- _DESCRIPTION OF THE TASK_
Among the lines below, keep only those from the one containing "#157=IFCMATERIAL('High-Selectivity Low-Iron Glazing',$,'glass');" through the one containing "frame((0.0, 0.0, 226.7)))", and reproduce them exactly.
*** Opening PROVIDED RECORDS ***
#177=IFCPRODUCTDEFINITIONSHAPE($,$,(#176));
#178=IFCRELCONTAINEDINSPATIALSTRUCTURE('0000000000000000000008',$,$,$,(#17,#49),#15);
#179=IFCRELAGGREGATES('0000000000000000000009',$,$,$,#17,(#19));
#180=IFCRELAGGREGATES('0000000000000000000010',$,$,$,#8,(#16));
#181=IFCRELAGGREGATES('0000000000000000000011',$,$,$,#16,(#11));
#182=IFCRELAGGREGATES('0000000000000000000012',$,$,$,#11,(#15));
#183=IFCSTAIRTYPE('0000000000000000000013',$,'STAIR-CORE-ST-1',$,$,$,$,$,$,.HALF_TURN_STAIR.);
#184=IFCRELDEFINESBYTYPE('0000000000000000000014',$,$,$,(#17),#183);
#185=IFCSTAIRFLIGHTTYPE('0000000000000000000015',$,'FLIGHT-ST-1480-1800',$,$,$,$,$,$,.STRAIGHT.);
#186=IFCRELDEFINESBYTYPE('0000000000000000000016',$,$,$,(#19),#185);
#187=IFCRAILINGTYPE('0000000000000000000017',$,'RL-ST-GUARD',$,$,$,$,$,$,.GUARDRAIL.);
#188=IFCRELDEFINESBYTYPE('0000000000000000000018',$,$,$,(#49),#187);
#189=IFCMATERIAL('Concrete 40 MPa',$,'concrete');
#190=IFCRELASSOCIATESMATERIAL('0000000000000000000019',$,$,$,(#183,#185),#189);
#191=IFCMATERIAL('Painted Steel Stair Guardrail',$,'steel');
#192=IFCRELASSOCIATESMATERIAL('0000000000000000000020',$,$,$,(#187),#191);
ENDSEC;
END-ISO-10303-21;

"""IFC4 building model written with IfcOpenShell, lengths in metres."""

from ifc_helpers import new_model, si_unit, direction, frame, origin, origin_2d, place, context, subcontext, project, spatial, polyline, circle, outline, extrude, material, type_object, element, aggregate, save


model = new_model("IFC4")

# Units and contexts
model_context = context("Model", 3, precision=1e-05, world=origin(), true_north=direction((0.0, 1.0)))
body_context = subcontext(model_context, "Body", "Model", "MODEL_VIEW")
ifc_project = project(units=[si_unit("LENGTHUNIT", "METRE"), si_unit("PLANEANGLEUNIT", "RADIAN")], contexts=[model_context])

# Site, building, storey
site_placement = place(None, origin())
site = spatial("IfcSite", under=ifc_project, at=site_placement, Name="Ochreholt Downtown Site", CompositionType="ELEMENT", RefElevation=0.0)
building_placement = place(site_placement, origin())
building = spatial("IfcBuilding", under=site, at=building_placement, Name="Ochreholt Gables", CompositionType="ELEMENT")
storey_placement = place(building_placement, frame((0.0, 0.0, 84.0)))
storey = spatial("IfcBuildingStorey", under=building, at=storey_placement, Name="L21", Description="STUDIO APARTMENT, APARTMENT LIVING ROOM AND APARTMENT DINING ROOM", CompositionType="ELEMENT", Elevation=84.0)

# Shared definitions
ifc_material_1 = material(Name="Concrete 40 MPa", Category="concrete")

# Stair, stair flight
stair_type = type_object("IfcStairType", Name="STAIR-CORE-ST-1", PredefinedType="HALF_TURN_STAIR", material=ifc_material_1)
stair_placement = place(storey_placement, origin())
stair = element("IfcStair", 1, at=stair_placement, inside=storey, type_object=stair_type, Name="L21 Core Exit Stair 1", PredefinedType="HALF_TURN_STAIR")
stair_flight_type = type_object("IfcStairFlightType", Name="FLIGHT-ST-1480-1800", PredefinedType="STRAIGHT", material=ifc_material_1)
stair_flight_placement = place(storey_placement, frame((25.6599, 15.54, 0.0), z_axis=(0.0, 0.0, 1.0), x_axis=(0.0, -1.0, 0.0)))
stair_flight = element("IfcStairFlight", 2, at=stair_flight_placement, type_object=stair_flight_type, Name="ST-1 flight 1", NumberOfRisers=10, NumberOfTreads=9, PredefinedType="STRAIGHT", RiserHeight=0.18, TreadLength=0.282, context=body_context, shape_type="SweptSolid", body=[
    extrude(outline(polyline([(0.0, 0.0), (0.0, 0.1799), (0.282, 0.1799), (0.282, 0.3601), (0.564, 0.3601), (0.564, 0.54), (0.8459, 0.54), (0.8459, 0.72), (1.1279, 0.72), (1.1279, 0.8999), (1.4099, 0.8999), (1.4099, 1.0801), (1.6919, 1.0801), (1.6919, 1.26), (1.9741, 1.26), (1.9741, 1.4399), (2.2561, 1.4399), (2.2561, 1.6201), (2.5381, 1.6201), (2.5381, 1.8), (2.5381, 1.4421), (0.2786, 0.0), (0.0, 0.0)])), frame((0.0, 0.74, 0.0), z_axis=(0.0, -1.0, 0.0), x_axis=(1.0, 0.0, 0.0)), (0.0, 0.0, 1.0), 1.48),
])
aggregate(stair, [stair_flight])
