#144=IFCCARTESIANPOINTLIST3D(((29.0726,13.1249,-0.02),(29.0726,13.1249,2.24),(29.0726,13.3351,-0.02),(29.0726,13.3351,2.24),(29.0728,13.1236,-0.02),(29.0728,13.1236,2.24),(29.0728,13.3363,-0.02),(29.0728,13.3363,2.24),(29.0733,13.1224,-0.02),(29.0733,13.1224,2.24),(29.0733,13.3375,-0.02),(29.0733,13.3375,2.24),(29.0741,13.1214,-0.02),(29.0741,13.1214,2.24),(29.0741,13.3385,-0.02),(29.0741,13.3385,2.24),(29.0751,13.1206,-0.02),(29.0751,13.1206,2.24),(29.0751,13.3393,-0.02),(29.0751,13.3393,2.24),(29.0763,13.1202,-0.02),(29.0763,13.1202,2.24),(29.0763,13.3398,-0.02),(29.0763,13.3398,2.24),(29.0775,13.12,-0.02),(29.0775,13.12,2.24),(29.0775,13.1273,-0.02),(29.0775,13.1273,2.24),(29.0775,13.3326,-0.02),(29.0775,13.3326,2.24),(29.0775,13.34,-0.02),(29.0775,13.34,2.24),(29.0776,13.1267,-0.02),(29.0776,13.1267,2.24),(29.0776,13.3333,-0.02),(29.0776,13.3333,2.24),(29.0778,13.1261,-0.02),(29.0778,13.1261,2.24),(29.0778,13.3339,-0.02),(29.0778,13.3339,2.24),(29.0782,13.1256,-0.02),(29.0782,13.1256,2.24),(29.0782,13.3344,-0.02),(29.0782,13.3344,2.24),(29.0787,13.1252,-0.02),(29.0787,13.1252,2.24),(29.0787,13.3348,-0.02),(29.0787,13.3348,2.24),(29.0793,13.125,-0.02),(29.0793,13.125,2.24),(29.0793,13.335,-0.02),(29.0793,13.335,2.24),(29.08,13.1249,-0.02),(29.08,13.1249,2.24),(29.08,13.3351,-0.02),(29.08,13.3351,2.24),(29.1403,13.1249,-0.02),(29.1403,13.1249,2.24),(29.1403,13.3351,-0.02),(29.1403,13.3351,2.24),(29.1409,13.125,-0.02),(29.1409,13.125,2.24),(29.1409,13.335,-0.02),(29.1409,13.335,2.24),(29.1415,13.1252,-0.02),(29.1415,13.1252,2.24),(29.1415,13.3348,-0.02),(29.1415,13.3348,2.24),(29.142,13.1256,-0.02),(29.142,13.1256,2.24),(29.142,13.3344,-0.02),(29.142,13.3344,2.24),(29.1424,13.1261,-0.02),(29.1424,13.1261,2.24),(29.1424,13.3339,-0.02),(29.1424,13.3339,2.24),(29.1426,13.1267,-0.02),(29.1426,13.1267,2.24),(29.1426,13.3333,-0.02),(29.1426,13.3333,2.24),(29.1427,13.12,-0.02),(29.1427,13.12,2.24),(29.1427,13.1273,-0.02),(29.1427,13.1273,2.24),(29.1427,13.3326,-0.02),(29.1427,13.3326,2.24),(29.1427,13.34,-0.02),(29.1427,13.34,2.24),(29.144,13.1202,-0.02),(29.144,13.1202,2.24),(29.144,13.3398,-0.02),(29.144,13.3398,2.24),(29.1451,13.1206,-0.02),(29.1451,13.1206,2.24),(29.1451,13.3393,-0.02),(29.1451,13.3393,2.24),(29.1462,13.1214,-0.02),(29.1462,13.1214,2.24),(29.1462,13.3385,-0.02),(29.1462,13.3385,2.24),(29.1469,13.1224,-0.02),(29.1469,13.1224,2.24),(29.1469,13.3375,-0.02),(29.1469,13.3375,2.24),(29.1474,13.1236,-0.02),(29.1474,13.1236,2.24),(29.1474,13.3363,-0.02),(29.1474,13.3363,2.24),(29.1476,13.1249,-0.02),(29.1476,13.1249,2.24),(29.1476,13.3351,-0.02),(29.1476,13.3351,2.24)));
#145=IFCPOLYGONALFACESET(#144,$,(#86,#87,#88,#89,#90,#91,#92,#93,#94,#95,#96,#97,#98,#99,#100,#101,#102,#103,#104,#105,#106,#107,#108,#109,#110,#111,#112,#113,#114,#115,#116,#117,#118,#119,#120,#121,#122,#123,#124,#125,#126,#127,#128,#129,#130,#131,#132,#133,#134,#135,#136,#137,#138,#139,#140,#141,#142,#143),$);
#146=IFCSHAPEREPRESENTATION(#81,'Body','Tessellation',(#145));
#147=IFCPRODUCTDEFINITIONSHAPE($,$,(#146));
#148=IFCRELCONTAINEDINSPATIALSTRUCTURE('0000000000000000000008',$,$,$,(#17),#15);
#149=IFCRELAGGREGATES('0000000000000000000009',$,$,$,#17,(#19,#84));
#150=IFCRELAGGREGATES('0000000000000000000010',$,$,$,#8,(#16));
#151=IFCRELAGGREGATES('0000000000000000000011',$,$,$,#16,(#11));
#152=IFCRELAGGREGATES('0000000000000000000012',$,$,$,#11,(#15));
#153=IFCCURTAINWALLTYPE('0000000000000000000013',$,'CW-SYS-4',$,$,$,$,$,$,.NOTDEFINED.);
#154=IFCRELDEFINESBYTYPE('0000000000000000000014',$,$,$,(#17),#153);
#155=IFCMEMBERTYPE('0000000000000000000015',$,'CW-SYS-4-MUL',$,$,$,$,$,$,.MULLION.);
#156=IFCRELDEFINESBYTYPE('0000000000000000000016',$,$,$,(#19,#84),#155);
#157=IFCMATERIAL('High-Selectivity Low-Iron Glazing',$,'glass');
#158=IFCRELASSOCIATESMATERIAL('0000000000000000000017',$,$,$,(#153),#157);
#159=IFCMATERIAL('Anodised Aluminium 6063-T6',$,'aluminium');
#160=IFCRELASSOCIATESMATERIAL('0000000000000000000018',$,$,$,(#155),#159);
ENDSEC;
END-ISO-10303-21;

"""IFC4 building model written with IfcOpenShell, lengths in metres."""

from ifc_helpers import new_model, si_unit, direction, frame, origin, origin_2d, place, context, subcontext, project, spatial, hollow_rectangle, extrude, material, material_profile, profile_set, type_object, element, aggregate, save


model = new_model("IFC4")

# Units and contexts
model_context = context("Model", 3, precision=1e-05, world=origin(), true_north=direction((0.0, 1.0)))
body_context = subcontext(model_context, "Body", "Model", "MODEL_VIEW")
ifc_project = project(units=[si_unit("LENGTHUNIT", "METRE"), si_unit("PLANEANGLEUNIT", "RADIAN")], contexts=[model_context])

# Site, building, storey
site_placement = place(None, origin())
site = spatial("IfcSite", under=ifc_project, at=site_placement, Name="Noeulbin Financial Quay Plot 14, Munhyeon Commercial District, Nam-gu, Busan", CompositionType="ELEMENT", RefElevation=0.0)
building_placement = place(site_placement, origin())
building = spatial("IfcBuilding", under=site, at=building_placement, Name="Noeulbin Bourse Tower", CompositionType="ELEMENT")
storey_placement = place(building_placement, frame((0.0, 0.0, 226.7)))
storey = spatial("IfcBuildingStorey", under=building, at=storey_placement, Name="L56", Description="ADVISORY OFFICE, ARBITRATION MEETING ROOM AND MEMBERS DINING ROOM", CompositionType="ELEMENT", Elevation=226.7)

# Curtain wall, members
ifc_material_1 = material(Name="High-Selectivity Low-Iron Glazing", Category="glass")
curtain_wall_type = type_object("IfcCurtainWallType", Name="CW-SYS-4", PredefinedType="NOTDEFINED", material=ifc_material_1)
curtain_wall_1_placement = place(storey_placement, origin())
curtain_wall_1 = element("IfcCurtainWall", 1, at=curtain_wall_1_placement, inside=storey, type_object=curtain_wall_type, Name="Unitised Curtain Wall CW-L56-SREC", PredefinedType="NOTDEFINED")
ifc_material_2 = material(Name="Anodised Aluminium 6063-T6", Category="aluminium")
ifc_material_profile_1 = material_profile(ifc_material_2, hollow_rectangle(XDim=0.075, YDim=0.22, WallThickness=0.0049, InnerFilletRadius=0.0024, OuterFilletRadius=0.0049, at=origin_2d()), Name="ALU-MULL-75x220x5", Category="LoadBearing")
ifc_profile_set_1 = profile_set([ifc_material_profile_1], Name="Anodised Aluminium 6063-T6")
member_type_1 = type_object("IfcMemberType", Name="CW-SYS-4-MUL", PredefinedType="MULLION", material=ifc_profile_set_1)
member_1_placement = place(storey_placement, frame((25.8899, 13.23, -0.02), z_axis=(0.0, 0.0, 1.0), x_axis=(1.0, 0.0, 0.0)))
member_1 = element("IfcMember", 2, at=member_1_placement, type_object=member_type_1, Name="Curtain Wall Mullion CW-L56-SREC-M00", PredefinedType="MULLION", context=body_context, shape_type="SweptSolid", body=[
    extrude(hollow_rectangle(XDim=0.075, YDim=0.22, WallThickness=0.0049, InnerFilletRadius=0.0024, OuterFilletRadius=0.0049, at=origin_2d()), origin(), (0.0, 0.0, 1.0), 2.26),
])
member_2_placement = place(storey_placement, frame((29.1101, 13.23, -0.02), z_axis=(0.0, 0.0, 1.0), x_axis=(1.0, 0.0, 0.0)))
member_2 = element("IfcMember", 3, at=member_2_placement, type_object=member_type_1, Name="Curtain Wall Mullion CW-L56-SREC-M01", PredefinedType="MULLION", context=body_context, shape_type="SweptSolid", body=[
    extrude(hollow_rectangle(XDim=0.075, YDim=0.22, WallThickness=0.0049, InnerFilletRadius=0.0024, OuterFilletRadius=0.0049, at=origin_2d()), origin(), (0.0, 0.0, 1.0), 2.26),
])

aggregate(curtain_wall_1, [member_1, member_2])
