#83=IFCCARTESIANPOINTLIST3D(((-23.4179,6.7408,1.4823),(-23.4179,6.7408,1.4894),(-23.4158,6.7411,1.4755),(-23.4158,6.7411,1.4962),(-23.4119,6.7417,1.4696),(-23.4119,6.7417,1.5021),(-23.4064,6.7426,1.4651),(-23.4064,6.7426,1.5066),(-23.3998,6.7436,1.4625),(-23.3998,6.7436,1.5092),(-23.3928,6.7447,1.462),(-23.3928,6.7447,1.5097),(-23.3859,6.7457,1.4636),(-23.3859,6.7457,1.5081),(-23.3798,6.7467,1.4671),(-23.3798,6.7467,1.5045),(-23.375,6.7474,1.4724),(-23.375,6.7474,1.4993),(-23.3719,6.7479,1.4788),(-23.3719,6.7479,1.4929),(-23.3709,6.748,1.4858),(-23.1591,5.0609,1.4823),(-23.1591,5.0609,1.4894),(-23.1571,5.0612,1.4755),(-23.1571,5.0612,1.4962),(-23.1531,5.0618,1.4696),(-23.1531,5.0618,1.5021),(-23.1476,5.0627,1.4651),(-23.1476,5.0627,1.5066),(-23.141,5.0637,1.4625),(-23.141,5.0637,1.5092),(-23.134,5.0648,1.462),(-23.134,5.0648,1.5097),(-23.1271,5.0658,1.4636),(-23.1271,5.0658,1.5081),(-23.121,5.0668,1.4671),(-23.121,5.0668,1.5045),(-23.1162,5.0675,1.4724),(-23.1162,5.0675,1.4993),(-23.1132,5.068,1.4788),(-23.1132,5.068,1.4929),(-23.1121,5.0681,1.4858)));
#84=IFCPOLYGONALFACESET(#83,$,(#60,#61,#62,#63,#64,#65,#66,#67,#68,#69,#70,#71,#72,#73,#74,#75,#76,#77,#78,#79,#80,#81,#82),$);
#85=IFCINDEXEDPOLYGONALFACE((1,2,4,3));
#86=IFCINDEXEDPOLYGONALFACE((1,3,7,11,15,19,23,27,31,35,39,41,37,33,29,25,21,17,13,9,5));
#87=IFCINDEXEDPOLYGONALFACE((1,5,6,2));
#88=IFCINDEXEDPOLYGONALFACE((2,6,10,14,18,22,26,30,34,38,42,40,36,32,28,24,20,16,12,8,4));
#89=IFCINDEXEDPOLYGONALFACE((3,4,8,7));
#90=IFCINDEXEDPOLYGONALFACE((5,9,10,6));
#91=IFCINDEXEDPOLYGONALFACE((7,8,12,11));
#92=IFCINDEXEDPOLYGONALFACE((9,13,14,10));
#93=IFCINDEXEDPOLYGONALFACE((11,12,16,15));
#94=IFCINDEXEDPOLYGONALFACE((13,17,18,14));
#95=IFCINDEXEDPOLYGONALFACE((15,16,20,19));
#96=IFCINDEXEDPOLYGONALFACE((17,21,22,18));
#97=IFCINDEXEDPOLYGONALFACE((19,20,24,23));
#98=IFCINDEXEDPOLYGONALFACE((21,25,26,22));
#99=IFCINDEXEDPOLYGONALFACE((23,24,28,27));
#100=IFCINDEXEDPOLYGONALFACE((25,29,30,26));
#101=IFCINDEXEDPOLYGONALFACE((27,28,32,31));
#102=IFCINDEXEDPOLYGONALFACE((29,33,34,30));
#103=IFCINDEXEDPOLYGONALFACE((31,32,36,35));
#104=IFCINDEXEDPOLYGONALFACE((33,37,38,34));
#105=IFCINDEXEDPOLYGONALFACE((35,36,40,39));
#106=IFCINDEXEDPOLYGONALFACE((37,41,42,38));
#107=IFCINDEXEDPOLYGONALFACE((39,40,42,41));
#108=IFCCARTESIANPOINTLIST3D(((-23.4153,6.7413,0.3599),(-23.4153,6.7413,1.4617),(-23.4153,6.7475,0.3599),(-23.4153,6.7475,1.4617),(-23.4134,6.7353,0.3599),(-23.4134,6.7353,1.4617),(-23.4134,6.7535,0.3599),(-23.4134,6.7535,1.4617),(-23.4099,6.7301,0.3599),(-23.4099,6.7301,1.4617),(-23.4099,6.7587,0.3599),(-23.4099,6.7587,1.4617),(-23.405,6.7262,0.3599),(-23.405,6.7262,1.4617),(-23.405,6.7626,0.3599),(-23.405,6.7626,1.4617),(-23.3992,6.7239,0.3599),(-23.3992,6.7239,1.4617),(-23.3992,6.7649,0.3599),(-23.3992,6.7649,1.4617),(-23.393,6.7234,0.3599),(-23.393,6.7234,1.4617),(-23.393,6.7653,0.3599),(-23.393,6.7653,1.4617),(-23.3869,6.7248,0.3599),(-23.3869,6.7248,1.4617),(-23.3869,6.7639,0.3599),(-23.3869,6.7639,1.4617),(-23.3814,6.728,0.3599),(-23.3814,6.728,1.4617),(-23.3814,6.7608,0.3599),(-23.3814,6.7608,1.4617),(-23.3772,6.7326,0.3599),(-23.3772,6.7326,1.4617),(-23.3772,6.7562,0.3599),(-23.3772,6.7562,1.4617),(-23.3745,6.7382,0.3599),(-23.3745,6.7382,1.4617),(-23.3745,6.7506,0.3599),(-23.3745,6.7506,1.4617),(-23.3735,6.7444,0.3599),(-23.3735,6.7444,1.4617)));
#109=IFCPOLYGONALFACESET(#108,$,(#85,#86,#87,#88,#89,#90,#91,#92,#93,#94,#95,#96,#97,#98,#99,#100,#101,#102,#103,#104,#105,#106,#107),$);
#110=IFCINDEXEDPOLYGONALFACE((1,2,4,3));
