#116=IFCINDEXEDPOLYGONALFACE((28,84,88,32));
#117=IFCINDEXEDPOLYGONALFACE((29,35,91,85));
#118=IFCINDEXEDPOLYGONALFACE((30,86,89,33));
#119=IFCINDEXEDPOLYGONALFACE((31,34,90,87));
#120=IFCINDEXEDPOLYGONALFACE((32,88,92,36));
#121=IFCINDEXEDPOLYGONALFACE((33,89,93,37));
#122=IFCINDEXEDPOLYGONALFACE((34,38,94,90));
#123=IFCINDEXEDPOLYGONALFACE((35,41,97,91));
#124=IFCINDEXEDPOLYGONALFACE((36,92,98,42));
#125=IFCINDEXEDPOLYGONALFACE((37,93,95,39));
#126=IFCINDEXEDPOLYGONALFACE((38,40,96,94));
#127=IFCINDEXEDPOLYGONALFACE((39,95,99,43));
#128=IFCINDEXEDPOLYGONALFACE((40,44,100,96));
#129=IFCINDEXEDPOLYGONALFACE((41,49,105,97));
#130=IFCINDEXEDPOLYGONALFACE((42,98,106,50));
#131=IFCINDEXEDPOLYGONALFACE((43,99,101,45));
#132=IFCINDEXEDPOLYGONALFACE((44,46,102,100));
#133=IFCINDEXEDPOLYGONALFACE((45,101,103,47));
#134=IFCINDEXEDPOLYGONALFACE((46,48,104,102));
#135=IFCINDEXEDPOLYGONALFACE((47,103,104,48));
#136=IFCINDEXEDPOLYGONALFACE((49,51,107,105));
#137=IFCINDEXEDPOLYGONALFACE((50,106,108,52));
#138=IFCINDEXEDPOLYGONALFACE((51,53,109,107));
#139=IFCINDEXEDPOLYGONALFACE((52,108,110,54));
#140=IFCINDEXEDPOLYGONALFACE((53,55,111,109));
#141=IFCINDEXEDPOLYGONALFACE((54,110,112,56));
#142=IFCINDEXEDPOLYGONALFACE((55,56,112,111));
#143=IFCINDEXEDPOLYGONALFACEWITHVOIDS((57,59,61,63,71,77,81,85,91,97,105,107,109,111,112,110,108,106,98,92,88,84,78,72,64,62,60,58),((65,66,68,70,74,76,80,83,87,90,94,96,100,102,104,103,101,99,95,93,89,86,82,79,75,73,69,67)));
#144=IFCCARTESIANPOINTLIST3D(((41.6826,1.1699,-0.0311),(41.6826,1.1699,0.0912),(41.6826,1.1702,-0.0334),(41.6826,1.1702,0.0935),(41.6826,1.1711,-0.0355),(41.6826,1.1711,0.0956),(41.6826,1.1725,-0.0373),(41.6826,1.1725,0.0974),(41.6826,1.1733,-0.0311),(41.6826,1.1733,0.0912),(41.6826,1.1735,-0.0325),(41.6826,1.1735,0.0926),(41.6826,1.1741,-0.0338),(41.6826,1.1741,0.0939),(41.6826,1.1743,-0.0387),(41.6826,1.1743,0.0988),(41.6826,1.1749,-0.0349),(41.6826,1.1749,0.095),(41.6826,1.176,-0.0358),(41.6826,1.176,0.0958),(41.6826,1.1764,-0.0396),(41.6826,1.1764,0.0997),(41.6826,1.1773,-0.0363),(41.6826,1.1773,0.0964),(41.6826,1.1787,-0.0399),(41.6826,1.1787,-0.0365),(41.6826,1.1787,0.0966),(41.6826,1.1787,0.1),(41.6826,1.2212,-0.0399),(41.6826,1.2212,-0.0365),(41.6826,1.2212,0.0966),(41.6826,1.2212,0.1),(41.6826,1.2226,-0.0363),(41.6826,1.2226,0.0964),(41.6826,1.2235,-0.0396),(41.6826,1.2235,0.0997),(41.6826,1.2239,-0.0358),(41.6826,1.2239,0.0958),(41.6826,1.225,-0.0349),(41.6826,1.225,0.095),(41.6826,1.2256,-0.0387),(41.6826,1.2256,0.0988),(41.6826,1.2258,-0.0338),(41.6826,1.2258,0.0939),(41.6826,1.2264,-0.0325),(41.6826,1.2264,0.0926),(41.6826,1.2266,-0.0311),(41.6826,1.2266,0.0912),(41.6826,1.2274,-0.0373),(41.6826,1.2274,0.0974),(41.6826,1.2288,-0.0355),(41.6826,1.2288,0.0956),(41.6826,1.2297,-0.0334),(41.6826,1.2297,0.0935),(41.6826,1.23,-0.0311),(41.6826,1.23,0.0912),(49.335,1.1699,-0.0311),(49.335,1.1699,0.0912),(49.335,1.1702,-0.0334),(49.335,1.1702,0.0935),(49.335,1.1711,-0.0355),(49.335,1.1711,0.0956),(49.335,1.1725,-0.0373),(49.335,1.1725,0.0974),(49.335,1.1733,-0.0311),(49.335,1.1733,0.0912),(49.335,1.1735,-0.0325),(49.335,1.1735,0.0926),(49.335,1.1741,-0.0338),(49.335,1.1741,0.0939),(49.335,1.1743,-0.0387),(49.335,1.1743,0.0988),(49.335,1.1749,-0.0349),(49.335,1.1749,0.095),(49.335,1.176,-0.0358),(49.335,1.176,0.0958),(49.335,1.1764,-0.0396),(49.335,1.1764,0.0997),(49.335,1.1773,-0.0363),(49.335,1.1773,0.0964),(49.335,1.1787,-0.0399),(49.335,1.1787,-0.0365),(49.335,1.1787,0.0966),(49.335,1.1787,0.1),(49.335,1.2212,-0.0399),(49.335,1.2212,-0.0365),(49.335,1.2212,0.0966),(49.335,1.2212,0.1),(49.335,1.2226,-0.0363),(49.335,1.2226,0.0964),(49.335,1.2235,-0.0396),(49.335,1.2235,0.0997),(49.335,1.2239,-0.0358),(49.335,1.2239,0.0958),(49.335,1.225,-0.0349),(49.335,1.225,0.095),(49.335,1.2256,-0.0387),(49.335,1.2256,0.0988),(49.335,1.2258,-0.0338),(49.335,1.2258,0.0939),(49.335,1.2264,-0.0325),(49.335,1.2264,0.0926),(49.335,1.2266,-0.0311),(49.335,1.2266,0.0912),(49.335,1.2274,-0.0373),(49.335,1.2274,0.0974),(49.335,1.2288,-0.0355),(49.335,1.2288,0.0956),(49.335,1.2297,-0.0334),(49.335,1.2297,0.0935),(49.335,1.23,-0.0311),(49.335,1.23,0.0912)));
*** Closing PROVIDED RECORDS ***
- _RESPONSE AREA_
#157=IFCMATERIAL('High-Selectivity Low-Iron Glazing',$,'glass');
#158=IFCRELASSOCIATESMATERIAL('0000000000000000000017',$,$,$,(#153),#157);
#159=IFCMATERIAL('Anodised Aluminium 6063-T6',$,'aluminium');
#160=IFCRELASSOCIATESMATERIAL('0000000000000000000018',$,$,$,(#155),#159);
ENDSEC;
END-ISO-10303-21;

"""IFC4 building model written with IfcOpenShell, lengths in metres."""

from ifc_helpers import new_model, si_unit, direction, frame, origin, origin_2d, place, context, subcontext, project, spatial, hollow_rectangle, extrude, material, material_profile, profile_set, type_object, element, aggregate, save


model = new_model("IFC4")

# Units and contexts
model_context = context("Model", 3, precision=1e-05, world=origin(), true_north=direction((0.0, 1.0)))
body_context = subcontext(model_context, "Body", "Model", "MODEL_VIEW")
ifc_project = project(units=[si_unit("LENGTHUNIT", "METRE"), si_unit("PLANEANGLEUNIT", "RADIAN")], contexts=[model_context])

# Site, building, storey
site_placement = place(None, origin())
site = spatial("IfcSite", under=ifc_project, at=site_placement, Name="Noeulbin Financial Quay Plot 14, Munhyeon Commercial District, Nam-gu, Busan", CompositionType="ELEMENT", RefElevation=0.0)
building_placement = place(site_placement, origin())
building = spatial("IfcBuilding", under=site, at=building_placement, Name="Noeulbin Bourse Tower", CompositionType="ELEMENT")
storey_placement = place(building_placement, frame((0.0, 0.0, 226.7)))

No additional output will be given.